• Available records
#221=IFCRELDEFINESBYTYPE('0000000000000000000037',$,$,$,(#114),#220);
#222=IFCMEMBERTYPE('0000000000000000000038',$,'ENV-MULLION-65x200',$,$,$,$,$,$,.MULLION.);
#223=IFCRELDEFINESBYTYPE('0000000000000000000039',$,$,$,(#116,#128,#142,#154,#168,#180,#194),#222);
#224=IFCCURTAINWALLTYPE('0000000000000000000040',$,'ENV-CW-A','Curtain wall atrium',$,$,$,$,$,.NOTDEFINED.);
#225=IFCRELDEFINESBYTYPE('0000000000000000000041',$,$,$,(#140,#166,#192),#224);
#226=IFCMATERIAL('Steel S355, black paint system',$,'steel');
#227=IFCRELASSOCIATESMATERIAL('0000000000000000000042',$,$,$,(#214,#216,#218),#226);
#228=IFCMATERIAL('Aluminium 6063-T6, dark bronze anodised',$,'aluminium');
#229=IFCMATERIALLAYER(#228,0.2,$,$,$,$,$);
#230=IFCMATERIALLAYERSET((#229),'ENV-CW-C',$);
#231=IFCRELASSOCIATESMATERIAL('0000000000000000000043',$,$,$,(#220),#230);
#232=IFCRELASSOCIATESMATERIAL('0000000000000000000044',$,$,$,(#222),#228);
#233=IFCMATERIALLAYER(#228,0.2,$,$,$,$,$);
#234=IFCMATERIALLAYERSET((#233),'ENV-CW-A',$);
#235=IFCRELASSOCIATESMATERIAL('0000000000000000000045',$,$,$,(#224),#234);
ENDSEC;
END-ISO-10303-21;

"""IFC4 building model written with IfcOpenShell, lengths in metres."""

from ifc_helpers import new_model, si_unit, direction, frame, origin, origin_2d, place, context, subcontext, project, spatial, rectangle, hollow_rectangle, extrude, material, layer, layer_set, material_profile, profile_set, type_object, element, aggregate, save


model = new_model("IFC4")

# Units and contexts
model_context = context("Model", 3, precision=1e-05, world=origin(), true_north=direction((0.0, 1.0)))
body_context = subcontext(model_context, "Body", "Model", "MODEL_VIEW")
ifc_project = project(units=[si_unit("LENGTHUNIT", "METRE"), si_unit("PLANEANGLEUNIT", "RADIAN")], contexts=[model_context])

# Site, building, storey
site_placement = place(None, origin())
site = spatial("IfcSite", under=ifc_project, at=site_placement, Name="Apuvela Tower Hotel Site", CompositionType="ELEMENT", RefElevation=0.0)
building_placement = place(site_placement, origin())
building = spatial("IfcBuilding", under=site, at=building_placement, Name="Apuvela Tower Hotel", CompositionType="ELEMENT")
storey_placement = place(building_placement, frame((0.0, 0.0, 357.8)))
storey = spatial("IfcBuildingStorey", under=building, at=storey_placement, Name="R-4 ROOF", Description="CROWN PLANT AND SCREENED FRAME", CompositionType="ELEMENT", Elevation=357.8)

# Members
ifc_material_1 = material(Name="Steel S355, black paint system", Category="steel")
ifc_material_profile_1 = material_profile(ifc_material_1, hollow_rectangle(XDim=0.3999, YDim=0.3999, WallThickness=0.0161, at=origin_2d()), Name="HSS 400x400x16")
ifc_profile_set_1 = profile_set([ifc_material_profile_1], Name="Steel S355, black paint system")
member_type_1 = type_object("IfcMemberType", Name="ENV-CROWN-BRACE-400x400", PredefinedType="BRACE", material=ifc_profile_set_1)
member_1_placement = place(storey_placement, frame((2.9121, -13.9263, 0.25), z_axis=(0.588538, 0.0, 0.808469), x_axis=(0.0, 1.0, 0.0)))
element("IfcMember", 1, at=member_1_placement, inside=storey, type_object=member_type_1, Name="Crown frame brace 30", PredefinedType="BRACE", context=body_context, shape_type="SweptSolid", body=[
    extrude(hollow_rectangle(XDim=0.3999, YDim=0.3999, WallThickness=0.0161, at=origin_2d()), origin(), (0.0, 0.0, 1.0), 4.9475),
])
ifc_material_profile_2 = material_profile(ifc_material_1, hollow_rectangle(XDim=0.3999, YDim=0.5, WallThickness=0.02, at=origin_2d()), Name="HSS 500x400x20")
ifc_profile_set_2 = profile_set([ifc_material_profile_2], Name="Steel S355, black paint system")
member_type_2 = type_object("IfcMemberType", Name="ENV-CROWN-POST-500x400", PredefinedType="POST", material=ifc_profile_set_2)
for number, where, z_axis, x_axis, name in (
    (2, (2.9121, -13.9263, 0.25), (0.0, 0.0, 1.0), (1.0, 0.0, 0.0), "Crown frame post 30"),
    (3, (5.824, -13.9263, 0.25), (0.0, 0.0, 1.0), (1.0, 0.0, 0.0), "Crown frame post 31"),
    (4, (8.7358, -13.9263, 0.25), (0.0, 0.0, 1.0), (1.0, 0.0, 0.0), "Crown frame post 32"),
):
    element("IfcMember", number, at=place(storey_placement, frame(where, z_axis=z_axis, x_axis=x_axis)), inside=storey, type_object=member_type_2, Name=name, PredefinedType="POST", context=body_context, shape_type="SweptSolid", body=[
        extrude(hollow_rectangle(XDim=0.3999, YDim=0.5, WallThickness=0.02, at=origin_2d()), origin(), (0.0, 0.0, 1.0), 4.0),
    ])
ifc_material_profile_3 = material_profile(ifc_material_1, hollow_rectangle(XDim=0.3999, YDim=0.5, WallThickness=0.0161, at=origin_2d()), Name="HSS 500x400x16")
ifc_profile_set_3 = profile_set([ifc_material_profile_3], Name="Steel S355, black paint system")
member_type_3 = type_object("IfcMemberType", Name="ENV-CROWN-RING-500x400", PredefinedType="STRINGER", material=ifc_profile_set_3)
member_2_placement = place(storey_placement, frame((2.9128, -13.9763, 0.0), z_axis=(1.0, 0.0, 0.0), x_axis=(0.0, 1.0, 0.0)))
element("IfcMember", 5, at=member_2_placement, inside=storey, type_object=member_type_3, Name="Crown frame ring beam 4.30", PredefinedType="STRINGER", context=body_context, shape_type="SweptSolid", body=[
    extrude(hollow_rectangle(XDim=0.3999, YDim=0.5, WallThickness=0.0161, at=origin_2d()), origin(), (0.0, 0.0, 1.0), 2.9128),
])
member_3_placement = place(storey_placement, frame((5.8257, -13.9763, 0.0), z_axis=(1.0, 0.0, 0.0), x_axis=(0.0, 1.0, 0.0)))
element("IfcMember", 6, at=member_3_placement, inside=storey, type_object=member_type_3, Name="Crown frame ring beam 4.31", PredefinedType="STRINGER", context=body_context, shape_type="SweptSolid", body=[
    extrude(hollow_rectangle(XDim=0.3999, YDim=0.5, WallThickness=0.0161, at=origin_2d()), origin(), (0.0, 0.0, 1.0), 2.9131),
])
* * *
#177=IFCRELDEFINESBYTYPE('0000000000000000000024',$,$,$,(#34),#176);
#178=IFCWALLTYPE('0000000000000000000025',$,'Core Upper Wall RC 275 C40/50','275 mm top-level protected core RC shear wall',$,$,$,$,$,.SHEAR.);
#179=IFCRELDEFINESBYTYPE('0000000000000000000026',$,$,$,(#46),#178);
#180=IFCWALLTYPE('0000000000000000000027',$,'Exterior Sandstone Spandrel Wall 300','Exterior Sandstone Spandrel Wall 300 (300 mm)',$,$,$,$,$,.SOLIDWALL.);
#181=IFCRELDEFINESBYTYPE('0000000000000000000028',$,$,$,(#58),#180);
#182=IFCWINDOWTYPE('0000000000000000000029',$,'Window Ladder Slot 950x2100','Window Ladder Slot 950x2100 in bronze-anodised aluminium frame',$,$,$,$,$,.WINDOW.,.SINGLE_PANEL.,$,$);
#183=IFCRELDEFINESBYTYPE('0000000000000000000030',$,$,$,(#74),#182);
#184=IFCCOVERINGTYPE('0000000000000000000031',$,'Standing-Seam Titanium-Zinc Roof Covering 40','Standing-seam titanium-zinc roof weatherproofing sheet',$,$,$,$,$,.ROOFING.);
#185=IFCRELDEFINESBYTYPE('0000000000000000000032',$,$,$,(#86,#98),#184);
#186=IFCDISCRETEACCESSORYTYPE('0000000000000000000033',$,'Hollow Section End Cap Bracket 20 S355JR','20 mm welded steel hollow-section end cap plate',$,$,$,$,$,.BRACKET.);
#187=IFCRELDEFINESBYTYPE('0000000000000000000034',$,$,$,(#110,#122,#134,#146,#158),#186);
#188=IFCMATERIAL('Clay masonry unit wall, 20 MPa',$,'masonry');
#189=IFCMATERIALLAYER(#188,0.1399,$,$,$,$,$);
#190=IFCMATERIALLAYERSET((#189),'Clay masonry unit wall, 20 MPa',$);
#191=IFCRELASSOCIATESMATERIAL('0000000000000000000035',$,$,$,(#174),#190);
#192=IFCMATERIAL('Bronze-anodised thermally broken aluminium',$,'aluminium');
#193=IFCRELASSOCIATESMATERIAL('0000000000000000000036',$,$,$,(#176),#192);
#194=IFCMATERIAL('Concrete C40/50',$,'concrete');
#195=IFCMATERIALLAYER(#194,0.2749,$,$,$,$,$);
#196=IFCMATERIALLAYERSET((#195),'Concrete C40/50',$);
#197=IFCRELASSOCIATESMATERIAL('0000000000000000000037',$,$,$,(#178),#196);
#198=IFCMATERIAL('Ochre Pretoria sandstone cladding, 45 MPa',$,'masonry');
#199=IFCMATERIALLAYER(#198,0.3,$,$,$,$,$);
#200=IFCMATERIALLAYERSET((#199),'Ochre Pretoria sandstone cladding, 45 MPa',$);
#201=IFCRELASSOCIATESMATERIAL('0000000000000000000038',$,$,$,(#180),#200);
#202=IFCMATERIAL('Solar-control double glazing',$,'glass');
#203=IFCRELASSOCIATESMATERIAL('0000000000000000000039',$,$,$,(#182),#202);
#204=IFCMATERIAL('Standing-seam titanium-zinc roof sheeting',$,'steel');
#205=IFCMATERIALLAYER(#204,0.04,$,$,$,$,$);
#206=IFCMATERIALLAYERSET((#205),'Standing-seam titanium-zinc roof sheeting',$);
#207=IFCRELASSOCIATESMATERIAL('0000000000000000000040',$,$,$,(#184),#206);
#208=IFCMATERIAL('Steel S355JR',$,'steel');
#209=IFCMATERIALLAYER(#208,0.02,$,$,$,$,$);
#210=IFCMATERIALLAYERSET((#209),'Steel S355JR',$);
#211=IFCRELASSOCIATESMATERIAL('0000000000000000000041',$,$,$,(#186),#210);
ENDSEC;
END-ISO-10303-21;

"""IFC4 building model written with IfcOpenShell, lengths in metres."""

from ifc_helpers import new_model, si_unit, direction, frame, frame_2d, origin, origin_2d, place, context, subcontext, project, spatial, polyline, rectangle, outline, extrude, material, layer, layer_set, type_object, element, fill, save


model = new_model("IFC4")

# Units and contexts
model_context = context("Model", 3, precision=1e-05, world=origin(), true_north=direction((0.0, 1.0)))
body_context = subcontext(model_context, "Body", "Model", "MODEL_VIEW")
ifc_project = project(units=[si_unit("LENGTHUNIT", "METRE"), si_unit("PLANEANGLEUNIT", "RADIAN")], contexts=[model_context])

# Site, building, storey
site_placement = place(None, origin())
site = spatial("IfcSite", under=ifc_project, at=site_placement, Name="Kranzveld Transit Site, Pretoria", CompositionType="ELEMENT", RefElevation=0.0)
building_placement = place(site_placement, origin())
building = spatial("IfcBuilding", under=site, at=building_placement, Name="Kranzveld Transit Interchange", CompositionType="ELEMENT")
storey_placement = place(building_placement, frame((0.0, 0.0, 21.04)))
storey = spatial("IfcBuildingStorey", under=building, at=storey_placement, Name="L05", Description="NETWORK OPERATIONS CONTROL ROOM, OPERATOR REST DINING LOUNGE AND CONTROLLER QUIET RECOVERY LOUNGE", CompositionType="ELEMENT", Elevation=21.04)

• Task instructions
Would you please copy every line in the data that contains the word "sheeting"?

• Your solution
#204=IFCMATERIAL('Standing-seam titanium-zinc roof sheeting',$,'steel');
#206=IFCMATERIALLAYERSET((#205),'Standing-seam titanium-zinc roof sheeting',$);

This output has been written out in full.